→ **Source records**:

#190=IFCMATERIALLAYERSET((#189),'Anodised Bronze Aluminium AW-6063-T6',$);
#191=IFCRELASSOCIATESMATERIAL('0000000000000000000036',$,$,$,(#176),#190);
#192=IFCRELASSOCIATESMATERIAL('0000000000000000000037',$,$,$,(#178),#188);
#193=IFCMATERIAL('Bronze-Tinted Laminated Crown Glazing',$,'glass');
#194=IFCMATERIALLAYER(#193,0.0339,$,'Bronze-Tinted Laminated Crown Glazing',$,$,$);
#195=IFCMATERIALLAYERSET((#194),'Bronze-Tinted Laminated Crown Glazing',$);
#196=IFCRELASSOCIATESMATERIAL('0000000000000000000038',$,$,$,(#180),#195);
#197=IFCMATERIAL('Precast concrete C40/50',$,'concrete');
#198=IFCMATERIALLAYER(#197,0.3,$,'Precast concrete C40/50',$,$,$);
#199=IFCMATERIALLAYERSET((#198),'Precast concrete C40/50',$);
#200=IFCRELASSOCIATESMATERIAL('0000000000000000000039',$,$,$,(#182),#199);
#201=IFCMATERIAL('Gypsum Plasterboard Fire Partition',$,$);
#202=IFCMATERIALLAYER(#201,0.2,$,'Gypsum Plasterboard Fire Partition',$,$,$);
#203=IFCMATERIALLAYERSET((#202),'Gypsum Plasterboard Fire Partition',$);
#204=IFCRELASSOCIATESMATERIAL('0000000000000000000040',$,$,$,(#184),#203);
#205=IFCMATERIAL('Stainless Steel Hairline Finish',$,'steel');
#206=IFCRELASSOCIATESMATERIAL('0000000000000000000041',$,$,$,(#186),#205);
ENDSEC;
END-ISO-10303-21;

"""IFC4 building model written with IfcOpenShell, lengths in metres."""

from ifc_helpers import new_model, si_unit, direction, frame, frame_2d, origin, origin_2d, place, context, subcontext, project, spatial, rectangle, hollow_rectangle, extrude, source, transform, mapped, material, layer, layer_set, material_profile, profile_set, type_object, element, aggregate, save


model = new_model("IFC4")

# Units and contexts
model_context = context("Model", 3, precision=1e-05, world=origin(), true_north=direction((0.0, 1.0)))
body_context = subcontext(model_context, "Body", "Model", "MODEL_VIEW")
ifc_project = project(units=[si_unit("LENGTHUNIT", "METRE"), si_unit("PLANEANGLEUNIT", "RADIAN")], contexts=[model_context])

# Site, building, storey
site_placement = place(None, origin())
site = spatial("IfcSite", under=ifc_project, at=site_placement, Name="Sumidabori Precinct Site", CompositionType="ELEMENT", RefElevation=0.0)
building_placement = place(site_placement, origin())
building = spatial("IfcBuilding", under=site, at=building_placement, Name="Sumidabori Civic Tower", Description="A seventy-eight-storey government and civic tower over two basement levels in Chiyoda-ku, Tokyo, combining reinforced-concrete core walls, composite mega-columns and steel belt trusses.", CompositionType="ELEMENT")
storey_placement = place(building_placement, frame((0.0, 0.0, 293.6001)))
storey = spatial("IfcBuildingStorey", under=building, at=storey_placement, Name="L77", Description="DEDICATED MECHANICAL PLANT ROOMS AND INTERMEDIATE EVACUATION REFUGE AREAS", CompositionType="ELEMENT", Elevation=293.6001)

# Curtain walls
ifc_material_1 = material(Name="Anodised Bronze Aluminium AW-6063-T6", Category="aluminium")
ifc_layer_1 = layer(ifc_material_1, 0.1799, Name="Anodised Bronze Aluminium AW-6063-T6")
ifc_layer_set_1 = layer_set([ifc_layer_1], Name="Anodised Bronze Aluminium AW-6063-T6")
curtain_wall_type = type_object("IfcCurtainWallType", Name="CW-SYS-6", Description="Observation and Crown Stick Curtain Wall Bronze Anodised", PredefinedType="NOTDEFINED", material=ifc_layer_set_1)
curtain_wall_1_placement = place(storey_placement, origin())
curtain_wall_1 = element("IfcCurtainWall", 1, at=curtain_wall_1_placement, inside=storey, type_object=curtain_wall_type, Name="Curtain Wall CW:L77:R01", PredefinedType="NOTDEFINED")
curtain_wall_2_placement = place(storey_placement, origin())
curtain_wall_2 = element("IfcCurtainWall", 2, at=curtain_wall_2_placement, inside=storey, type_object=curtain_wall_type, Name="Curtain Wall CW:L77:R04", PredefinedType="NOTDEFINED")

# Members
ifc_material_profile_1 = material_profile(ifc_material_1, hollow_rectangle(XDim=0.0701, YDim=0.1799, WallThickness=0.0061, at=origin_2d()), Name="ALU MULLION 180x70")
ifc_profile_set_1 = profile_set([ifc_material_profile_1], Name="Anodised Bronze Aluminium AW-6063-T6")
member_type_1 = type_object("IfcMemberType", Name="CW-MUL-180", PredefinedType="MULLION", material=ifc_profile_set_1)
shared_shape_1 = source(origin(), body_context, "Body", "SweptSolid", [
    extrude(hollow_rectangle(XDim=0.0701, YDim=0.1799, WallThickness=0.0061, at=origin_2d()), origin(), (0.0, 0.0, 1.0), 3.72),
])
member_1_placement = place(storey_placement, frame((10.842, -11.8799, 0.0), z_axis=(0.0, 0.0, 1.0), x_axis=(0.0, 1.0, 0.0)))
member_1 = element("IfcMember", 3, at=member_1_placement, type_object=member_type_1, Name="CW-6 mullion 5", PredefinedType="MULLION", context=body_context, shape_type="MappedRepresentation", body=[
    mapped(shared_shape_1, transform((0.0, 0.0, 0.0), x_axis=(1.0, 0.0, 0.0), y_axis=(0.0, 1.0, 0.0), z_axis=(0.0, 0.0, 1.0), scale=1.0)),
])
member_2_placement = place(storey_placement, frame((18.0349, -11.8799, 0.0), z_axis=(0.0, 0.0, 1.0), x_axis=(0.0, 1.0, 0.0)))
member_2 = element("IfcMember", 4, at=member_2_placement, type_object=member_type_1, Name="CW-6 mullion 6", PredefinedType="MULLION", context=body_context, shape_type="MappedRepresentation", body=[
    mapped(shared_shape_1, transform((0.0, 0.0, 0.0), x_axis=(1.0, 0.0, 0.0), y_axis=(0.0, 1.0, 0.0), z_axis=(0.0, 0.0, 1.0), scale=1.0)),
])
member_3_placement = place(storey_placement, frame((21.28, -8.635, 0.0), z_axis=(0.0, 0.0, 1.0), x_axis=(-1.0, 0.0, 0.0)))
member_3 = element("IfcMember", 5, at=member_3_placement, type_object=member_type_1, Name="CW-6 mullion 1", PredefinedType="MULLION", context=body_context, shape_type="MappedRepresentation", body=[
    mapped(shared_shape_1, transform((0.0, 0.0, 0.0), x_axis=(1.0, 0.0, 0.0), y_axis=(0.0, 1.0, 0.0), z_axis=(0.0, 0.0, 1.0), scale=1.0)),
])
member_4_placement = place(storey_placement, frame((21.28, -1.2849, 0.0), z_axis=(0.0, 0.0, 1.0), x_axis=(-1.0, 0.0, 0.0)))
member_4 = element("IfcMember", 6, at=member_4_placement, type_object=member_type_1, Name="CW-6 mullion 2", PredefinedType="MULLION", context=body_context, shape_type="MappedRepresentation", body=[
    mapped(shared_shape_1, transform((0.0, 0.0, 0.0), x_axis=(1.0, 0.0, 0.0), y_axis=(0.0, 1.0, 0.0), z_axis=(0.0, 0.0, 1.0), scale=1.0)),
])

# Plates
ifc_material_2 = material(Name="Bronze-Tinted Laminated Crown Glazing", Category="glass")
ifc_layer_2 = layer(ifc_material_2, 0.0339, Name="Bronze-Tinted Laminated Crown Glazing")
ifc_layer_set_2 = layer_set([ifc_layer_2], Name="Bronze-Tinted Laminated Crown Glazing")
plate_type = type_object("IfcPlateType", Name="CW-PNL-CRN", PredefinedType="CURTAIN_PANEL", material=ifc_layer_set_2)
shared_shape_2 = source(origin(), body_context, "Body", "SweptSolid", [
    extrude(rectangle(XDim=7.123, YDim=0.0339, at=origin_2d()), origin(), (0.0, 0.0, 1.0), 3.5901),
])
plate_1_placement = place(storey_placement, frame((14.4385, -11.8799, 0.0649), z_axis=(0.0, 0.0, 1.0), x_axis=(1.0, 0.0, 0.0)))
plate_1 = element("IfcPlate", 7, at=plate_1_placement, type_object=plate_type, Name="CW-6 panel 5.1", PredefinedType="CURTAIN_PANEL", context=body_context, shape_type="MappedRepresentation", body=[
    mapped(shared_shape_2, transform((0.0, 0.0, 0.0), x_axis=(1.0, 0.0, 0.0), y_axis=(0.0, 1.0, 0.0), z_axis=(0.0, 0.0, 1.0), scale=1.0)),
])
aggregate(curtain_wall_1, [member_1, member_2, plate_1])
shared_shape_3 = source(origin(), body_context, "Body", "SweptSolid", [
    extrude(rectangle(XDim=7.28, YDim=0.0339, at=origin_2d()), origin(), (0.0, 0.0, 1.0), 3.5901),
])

→ **Problem to solve**: Could you retype exactly the lines above, starting at the line that contains "from ifc_helpers import" and ending at the line that contains "# Units and contexts", and nothing more?

→ **Response for this exercise**:
from ifc_helpers import new_model, si_unit, direction, frame, frame_2d, origin, origin_2d, place, context, subcontext, project, spatial, rectangle, hollow_rectangle, extrude, source, transform, mapped, material, layer, layer_set, material_profile, profile_set, type_object, element, aggregate, save


model = new_model("IFC4")

# Units and contexts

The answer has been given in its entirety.